— Exercise brief —
Only the lines from the opening of the material through the one containing "frame((0.8459, 0.0, 0.72)))" should be reproduced, each exactly as it stands.

::::::::

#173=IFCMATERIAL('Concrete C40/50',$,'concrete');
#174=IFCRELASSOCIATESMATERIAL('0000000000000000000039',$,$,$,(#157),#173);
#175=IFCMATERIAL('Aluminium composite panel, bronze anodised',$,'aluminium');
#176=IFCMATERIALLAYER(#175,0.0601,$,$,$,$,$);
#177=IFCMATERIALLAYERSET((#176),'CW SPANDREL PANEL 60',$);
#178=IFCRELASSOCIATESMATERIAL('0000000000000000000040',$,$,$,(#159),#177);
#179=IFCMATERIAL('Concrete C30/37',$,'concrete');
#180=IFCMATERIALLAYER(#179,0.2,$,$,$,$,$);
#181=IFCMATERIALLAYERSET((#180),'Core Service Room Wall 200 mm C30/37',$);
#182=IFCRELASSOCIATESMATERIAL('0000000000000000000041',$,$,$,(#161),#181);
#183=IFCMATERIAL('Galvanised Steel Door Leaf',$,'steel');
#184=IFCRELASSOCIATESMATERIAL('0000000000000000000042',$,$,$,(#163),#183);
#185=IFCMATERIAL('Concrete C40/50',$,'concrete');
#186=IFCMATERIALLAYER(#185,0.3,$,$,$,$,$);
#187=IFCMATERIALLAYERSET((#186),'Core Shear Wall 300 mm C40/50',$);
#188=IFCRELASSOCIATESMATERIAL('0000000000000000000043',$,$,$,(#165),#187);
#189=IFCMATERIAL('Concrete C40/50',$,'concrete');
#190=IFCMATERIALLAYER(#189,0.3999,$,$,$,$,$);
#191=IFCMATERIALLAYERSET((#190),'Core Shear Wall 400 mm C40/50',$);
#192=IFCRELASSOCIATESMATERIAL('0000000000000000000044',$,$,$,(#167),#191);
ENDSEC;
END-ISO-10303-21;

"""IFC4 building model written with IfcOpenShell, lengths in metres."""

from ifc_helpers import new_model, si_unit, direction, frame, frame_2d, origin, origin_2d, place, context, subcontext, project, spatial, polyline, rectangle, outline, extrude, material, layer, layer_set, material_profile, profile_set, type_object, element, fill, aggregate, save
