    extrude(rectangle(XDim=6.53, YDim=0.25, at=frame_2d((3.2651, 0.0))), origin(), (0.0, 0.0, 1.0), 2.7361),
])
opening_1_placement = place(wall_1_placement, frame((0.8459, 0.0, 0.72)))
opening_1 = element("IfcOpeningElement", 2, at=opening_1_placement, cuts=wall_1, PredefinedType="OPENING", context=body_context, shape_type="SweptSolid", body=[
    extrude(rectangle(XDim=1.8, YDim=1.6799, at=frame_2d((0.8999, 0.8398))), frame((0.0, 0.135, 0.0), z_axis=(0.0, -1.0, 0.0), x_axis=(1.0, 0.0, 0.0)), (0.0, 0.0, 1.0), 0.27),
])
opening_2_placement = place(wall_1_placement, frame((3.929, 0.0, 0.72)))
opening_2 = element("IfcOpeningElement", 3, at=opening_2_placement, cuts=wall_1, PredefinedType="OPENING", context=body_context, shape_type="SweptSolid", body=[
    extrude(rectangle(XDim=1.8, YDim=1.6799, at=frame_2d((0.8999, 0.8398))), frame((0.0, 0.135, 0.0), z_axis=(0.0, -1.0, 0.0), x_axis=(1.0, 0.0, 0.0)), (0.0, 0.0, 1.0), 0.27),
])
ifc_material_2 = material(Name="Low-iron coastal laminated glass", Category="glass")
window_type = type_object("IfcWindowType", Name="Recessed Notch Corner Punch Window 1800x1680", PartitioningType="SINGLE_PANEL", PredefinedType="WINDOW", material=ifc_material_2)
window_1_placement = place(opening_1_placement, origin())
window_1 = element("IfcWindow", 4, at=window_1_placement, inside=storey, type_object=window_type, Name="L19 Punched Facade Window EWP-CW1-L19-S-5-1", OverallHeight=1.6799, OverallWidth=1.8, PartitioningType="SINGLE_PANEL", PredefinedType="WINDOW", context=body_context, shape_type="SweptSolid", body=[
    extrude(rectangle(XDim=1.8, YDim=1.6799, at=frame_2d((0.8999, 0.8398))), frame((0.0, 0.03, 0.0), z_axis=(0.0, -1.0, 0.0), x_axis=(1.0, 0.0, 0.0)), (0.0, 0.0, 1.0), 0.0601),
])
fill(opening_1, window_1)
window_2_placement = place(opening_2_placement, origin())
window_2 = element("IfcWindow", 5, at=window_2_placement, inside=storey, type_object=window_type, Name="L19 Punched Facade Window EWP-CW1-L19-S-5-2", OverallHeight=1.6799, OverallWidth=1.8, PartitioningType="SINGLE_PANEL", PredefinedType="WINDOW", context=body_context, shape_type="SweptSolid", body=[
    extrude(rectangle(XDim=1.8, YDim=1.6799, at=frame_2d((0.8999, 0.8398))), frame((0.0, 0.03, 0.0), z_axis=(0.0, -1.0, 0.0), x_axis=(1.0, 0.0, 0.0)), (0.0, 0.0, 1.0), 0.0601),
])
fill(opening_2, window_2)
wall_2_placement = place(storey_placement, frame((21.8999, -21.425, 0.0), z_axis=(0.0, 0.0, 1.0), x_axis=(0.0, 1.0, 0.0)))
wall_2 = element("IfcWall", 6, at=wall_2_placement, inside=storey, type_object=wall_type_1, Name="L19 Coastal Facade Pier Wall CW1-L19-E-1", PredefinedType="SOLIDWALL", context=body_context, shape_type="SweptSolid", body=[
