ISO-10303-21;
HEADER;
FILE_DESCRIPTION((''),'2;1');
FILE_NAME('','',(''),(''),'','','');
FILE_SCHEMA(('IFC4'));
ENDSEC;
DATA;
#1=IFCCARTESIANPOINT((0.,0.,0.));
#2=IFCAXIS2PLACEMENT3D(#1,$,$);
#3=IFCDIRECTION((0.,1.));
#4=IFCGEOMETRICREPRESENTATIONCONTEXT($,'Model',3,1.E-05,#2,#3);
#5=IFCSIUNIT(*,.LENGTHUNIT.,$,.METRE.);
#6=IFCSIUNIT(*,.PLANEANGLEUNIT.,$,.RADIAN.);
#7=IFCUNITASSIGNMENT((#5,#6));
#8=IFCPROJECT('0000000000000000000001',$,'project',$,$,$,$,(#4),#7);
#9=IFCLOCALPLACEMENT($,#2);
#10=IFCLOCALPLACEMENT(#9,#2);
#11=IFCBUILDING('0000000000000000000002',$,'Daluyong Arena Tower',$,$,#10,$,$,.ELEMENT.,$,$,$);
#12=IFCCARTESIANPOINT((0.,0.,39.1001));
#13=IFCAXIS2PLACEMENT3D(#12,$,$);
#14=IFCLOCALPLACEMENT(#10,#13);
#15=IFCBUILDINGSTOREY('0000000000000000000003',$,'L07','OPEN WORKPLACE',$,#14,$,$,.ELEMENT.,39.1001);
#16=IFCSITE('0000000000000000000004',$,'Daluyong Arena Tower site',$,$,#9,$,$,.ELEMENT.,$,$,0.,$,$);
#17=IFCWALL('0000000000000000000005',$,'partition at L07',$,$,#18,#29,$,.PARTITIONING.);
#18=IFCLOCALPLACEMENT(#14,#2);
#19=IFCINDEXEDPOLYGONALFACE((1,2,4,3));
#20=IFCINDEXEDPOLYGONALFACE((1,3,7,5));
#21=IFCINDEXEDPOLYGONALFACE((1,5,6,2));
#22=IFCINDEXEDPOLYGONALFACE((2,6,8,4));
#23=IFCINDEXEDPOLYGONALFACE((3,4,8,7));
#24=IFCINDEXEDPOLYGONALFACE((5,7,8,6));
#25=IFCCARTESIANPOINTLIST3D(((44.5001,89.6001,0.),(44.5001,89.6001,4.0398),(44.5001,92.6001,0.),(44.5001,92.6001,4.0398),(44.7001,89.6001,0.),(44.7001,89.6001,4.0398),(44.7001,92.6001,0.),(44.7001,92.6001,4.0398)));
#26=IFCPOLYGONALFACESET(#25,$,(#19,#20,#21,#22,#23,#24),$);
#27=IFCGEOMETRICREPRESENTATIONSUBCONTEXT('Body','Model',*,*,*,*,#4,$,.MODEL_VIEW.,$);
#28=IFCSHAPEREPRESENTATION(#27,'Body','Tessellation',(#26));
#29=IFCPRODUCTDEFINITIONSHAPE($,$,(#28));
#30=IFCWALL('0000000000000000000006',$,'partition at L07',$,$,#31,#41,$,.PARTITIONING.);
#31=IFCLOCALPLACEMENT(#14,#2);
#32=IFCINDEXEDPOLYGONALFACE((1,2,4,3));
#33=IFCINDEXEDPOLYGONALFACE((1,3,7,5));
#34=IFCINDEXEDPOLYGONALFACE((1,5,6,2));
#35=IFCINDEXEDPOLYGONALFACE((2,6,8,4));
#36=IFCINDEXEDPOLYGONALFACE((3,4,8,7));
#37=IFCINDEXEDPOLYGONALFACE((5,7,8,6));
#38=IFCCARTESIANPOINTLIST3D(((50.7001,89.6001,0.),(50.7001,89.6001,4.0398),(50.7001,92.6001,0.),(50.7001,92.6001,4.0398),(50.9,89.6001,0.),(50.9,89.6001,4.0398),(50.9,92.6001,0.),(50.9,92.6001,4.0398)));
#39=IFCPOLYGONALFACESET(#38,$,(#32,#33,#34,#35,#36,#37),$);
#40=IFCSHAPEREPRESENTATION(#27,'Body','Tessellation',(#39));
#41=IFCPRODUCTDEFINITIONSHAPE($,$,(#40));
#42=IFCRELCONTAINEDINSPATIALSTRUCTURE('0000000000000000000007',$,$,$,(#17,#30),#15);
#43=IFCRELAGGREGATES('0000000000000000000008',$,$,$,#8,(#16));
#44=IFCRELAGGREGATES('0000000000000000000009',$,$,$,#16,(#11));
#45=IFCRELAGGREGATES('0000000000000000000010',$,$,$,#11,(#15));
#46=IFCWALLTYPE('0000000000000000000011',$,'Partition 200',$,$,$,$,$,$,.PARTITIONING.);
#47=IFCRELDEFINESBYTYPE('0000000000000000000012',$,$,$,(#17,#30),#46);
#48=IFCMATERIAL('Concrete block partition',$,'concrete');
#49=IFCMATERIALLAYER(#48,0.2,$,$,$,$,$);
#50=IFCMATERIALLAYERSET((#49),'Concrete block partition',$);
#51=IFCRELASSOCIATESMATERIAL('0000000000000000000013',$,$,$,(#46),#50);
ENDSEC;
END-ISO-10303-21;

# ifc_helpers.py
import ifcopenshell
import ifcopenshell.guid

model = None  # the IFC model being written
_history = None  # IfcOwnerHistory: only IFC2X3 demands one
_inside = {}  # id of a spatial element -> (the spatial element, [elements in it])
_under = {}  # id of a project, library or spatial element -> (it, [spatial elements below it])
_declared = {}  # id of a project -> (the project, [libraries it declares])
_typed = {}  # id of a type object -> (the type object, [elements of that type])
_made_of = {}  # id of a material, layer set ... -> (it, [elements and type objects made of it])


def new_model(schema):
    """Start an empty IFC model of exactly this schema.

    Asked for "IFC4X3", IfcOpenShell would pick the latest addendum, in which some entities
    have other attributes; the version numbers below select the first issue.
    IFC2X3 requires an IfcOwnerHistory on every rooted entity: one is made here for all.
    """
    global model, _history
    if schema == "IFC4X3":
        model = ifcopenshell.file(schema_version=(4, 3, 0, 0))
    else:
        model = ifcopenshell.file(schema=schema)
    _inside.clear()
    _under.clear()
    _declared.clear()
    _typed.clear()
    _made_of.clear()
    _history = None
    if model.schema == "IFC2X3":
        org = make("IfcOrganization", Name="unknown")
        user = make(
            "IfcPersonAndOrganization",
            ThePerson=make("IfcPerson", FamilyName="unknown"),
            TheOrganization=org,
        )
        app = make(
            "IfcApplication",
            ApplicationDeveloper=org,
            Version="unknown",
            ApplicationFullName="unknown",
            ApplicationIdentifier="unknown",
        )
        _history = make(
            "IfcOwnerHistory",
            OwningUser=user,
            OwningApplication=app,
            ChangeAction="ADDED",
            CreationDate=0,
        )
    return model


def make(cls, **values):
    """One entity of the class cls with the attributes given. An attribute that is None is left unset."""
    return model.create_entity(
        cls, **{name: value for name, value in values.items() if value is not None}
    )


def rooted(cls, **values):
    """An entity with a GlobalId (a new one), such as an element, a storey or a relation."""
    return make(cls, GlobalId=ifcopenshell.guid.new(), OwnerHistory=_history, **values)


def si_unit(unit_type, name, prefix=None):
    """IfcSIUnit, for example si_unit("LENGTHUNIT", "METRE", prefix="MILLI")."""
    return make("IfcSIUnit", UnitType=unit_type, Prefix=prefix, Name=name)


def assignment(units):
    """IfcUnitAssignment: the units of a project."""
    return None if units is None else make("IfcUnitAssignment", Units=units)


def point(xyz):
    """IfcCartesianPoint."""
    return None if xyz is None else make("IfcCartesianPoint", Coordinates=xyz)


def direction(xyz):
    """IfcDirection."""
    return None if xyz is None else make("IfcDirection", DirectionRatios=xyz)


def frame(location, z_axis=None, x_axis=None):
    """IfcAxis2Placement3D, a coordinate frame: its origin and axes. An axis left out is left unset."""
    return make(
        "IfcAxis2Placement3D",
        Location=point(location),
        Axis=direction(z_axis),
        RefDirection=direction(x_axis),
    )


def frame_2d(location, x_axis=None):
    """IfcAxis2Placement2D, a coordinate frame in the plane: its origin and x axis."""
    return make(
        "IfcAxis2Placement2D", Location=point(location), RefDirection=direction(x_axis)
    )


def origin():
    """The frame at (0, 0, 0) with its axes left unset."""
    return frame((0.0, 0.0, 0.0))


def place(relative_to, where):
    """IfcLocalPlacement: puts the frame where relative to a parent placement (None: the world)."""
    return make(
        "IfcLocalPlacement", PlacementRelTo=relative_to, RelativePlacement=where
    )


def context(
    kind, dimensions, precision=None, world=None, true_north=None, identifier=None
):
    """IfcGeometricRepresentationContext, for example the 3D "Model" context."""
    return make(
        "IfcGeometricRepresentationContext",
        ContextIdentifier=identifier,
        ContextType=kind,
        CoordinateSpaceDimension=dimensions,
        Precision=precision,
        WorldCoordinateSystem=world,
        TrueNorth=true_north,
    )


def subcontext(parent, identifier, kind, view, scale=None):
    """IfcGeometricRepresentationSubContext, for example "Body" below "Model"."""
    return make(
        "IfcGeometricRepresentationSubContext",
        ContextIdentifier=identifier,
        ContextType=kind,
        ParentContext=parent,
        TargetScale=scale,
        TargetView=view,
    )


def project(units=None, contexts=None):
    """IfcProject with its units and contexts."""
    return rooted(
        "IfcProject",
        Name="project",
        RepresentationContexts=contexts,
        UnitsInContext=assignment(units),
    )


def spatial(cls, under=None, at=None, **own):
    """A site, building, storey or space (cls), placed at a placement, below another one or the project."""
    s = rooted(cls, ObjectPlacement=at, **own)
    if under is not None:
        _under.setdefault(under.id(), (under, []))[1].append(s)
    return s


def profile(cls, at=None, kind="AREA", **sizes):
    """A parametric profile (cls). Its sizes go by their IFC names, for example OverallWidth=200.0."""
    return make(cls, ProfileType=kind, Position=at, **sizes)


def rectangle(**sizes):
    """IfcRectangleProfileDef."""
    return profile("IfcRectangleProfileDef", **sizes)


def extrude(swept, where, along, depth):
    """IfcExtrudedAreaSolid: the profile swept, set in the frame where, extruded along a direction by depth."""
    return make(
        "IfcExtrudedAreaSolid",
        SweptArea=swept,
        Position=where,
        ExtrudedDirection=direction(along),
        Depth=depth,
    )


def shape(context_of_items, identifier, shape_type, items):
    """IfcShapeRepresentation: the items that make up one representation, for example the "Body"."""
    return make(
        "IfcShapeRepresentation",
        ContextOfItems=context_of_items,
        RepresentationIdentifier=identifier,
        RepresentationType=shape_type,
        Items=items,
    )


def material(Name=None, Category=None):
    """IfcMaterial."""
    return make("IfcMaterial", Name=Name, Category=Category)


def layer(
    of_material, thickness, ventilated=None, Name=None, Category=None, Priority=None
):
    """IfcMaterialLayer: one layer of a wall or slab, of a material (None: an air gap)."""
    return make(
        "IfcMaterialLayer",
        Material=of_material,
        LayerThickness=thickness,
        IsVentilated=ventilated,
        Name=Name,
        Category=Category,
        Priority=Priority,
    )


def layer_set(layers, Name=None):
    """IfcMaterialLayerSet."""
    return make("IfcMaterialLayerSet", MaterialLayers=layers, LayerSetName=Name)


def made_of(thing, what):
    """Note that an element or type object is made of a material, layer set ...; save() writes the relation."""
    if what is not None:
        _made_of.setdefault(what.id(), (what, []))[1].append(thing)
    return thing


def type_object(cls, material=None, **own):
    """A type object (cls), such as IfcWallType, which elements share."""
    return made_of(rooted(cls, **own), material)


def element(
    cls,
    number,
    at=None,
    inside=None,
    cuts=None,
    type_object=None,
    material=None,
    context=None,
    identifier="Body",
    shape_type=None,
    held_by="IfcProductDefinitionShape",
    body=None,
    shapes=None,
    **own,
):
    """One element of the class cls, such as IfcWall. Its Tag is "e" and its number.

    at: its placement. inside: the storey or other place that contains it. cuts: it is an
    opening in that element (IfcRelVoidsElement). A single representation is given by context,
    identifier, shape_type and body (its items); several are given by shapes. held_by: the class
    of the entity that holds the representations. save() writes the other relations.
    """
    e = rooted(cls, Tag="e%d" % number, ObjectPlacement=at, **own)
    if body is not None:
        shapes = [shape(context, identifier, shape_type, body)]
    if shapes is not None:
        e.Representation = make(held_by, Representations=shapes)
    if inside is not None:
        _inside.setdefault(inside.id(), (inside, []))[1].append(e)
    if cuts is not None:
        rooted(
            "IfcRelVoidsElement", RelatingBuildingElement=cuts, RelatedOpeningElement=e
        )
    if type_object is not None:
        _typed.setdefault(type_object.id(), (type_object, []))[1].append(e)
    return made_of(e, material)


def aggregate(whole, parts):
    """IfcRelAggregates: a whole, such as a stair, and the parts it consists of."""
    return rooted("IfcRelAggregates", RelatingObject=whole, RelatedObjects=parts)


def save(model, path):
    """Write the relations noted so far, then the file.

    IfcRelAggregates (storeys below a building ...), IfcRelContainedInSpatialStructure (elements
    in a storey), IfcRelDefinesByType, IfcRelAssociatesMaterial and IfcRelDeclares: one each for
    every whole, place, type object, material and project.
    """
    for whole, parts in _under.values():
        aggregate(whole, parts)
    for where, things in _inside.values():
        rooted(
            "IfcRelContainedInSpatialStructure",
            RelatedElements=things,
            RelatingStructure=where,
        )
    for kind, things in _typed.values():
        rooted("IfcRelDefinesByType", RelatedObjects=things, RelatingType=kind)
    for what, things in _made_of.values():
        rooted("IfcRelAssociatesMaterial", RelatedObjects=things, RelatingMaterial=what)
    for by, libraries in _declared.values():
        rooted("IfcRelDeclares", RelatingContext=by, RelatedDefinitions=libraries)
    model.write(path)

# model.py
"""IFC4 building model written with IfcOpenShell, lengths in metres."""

from ifc_helpers import new_model, si_unit, direction, frame, frame_2d, origin, place, context, subcontext, project, spatial, rectangle, extrude, material, layer, layer_set, type_object, element, save


model = new_model("IFC4")

# Units and contexts
model_context = context("Model", 3, precision=1e-05, world=origin(), true_north=direction((0.0, 1.0)))
body_context = subcontext(model_context, "Body", "Model", "MODEL_VIEW")
ifc_project = project(units=[si_unit("LENGTHUNIT", "METRE"), si_unit("PLANEANGLEUNIT", "RADIAN")], contexts=[model_context])

# Site, building, storey
site_placement = place(None, origin())
site = spatial("IfcSite", under=ifc_project, at=site_placement, Name="Daluyong Arena Tower site", CompositionType="ELEMENT", RefElevation=0.0)
building_placement = place(site_placement, origin())
building = spatial("IfcBuilding", under=site, at=building_placement, Name="Daluyong Arena Tower", CompositionType="ELEMENT")
storey_placement = place(building_placement, frame((0.0, 0.0, 39.1001)))
storey = spatial("IfcBuildingStorey", under=building, at=storey_placement, Name="L07", Description="OPEN WORKPLACE", CompositionType="ELEMENT", Elevation=39.1001)

# Walls
ifc_material_1 = material(Name="Concrete block partition", Category="concrete")
ifc_layer_1 = layer(ifc_material_1, 0.2)
ifc_layer_set_1 = layer_set([ifc_layer_1], Name="Concrete block partition")
wall_type_1 = type_object("IfcWallType", Name="Partition 200", PredefinedType="PARTITIONING", material=ifc_layer_set_1)
for number, where, z_axis, x_axis, name in (
    (1, (44.6001, 89.6001, 0.0), (0.0, 0.0, 1.0), (0.0, 1.0, 0.0), "partition at L07"),
    (2, (50.8, 89.6001, 0.0), (0.0, 0.0, 1.0), (0.0, 1.0, 0.0), "partition at L07"),
):
    element("IfcWall", number, at=place(storey_placement, frame(where, z_axis=z_axis, x_axis=x_axis)), inside=storey, type_object=wall_type_1, Name=name, PredefinedType="PARTITIONING", context=body_context, shape_type="SweptSolid", body=[
        extrude(rectangle(XDim=3.0, YDim=0.2, at=frame_2d((1.5, 0.0))), origin(), (0.0, 0.0, 1.0), 4.0398),
    ])

save(model, "model.ifc")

::::::::

— Response area —
#173=IFCMATERIAL('Concrete C40/50',$,'concrete');
#174=IFCRELASSOCIATESMATERIAL('0000000000000000000039',$,$,$,(#157),#173);
#175=IFCMATERIAL('Aluminium composite panel, bronze anodised',$,'aluminium');
#176=IFCMATERIALLAYER(#175,0.0601,$,$,$,$,$);
#177=IFCMATERIALLAYERSET((#176),'CW SPANDREL PANEL 60',$);
#178=IFCRELASSOCIATESMATERIAL('0000000000000000000040',$,$,$,(#159),#177);
#179=IFCMATERIAL('Concrete C30/37',$,'concrete');
#180=IFCMATERIALLAYER(#179,0.2,$,$,$,$,$);
#181=IFCMATERIALLAYERSET((#180),'Core Service Room Wall 200 mm C30/37',$);
#182=IFCRELASSOCIATESMATERIAL('0000000000000000000041',$,$,$,(#161),#181);
#183=IFCMATERIAL('Galvanised Steel Door Leaf',$,'steel');
#184=IFCRELASSOCIATESMATERIAL('0000000000000000000042',$,$,$,(#163),#183);
#185=IFCMATERIAL('Concrete C40/50',$,'concrete');
#186=IFCMATERIALLAYER(#185,0.3,$,$,$,$,$);
#187=IFCMATERIALLAYERSET((#186),'Core Shear Wall 300 mm C40/50',$);
#188=IFCRELASSOCIATESMATERIAL('0000000000000000000043',$,$,$,(#165),#187);
#189=IFCMATERIAL('Concrete C40/50',$,'concrete');
#190=IFCMATERIALLAYER(#189,0.3999,$,$,$,$,$);
#191=IFCMATERIALLAYERSET((#190),'Core Shear Wall 400 mm C40/50',$);
#192=IFCRELASSOCIATESMATERIAL('0000000000000000000044',$,$,$,(#167),#191);
ENDSEC;
END-ISO-10303-21;

"""IFC4 building model written with IfcOpenShell, lengths in metres."""

from ifc_helpers import new_model, si_unit, direction, frame, frame_2d, origin, origin_2d, place, context, subcontext, project, spatial, polyline, rectangle, outline, extrude, material, layer, layer_set, material_profile, profile_set, type_object, element, fill, aggregate, save
    extrude(rectangle(XDim=6.53, YDim=0.25, at=frame_2d((3.2651, 0.0))), origin(), (0.0, 0.0, 1.0), 2.7361),
])
opening_1_placement = place(wall_1_placement, frame((0.8459, 0.0, 0.72)))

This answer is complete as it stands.